• [Required work]: Set down exactly the lines in the records below that run from the line with "#105=IFCINDEXEDPOLYGONALFACE((17,21,22,18));" to the line with "#116=IFCINDEXEDPOLYGONALFACE((39,40,42,41));", inclusive, and nothing more.

=== Begin Enclosure ===

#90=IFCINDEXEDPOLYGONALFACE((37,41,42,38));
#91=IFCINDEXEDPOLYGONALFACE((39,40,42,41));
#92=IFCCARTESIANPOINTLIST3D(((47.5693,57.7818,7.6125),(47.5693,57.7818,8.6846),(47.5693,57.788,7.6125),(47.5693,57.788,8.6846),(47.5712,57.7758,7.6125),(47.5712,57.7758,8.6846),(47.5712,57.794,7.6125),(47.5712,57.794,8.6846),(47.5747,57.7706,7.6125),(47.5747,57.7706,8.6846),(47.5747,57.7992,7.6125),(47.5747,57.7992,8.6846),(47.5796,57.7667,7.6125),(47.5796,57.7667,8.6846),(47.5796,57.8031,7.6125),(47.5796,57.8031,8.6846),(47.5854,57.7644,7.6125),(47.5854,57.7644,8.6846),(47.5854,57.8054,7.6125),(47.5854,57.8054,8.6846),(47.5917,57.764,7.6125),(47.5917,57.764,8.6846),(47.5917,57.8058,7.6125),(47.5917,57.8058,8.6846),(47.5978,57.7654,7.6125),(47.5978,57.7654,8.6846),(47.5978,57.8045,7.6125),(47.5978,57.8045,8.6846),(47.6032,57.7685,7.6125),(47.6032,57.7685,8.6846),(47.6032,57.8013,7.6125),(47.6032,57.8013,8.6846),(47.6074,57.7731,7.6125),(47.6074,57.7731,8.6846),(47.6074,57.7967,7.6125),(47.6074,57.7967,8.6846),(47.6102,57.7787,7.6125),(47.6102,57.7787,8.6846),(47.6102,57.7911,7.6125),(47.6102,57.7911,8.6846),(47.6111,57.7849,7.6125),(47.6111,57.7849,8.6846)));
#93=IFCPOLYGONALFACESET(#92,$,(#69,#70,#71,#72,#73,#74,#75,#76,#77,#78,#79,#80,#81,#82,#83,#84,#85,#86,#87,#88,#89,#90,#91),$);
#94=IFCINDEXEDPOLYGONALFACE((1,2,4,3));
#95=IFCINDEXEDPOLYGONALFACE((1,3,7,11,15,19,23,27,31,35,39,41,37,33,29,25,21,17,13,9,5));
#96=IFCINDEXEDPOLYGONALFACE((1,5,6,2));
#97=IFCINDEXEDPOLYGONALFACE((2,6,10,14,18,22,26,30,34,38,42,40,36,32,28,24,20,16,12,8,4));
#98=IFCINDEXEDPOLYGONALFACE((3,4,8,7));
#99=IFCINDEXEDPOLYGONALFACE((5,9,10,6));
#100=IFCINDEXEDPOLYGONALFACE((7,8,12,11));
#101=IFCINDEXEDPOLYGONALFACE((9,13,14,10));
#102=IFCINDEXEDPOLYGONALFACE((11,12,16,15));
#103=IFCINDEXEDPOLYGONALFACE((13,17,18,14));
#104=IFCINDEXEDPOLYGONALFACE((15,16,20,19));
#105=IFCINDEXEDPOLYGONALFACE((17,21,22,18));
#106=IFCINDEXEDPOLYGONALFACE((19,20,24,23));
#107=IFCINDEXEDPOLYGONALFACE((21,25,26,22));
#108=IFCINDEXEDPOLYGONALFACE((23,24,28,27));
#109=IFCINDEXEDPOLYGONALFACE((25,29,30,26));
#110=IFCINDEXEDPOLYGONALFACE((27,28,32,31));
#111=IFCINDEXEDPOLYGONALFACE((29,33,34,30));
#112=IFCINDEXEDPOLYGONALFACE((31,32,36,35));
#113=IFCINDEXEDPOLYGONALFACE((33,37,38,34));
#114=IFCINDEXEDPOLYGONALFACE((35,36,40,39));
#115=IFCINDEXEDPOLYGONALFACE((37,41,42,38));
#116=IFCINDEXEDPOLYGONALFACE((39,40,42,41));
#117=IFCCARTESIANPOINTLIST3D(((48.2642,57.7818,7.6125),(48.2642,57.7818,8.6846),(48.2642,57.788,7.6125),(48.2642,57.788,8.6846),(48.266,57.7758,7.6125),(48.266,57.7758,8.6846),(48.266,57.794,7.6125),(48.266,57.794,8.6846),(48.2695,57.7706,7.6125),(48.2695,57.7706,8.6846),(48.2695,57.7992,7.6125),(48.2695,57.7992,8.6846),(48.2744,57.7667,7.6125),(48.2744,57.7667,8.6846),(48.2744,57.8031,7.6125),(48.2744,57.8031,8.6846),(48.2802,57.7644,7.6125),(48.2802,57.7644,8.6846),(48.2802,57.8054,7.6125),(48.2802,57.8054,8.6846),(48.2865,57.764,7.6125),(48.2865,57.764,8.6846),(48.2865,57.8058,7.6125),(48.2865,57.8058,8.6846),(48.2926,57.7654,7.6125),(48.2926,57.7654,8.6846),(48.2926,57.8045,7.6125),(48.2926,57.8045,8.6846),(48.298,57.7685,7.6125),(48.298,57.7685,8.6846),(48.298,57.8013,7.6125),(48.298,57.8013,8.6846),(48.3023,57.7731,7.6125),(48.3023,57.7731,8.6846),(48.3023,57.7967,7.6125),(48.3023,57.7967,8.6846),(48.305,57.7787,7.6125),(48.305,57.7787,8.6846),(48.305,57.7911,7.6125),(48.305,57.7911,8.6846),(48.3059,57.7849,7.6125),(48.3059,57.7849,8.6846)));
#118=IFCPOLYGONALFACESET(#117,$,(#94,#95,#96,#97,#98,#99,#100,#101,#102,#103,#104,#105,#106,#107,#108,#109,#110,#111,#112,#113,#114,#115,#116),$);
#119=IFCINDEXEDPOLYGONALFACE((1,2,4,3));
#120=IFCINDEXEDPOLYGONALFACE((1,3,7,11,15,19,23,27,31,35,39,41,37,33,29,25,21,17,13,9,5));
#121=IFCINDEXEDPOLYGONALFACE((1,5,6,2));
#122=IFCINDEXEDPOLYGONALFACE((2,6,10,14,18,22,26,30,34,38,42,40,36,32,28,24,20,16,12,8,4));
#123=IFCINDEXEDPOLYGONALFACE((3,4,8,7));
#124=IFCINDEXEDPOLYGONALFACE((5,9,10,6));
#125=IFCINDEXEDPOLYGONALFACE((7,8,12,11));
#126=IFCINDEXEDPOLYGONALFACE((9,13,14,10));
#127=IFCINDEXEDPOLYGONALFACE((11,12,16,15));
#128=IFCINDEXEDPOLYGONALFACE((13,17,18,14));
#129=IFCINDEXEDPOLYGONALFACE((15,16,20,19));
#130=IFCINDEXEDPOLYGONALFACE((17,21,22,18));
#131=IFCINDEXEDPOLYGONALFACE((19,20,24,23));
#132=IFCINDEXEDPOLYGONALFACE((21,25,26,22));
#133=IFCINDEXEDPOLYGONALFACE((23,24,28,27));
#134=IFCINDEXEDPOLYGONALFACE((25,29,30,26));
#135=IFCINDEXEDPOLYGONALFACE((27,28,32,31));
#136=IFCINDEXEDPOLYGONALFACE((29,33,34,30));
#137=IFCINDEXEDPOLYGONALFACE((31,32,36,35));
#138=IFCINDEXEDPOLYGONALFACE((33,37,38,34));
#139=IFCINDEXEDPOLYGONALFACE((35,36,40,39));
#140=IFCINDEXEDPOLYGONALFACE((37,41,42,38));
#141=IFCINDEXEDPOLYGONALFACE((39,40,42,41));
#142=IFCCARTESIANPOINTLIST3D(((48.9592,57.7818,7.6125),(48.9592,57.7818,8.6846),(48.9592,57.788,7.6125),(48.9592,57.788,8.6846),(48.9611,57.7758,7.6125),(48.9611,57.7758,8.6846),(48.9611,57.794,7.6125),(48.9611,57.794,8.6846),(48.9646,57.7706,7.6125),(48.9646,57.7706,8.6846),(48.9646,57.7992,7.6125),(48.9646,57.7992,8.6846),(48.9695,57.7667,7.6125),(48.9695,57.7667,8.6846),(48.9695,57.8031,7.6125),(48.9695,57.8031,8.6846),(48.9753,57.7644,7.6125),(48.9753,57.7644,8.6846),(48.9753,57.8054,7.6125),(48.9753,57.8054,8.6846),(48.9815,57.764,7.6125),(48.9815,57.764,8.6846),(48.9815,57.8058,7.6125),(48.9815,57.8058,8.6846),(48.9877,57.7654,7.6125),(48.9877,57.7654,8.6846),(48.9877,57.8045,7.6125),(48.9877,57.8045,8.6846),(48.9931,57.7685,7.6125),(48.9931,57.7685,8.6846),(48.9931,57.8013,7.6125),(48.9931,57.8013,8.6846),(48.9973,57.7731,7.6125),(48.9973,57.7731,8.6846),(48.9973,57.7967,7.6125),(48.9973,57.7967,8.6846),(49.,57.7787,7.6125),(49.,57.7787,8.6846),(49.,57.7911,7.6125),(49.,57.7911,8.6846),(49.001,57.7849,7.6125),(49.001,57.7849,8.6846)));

=== End Enclosure ===

• [Problem solution]:
#105=IFCINDEXEDPOLYGONALFACE((17,21,22,18));
#106=IFCINDEXEDPOLYGONALFACE((19,20,24,23));
#107=IFCINDEXEDPOLYGONALFACE((21,25,26,22));
#108=IFCINDEXEDPOLYGONALFACE((23,24,28,27));
#109=IFCINDEXEDPOLYGONALFACE((25,29,30,26));
#110=IFCINDEXEDPOLYGONALFACE((27,28,32,31));
#111=IFCINDEXEDPOLYGONALFACE((29,33,34,30));
#112=IFCINDEXEDPOLYGONALFACE((31,32,36,35));
#113=IFCINDEXEDPOLYGONALFACE((33,37,38,34));
#114=IFCINDEXEDPOLYGONALFACE((35,36,40,39));
#115=IFCINDEXEDPOLYGONALFACE((37,41,42,38));
#116=IFCINDEXEDPOLYGONALFACE((39,40,42,41));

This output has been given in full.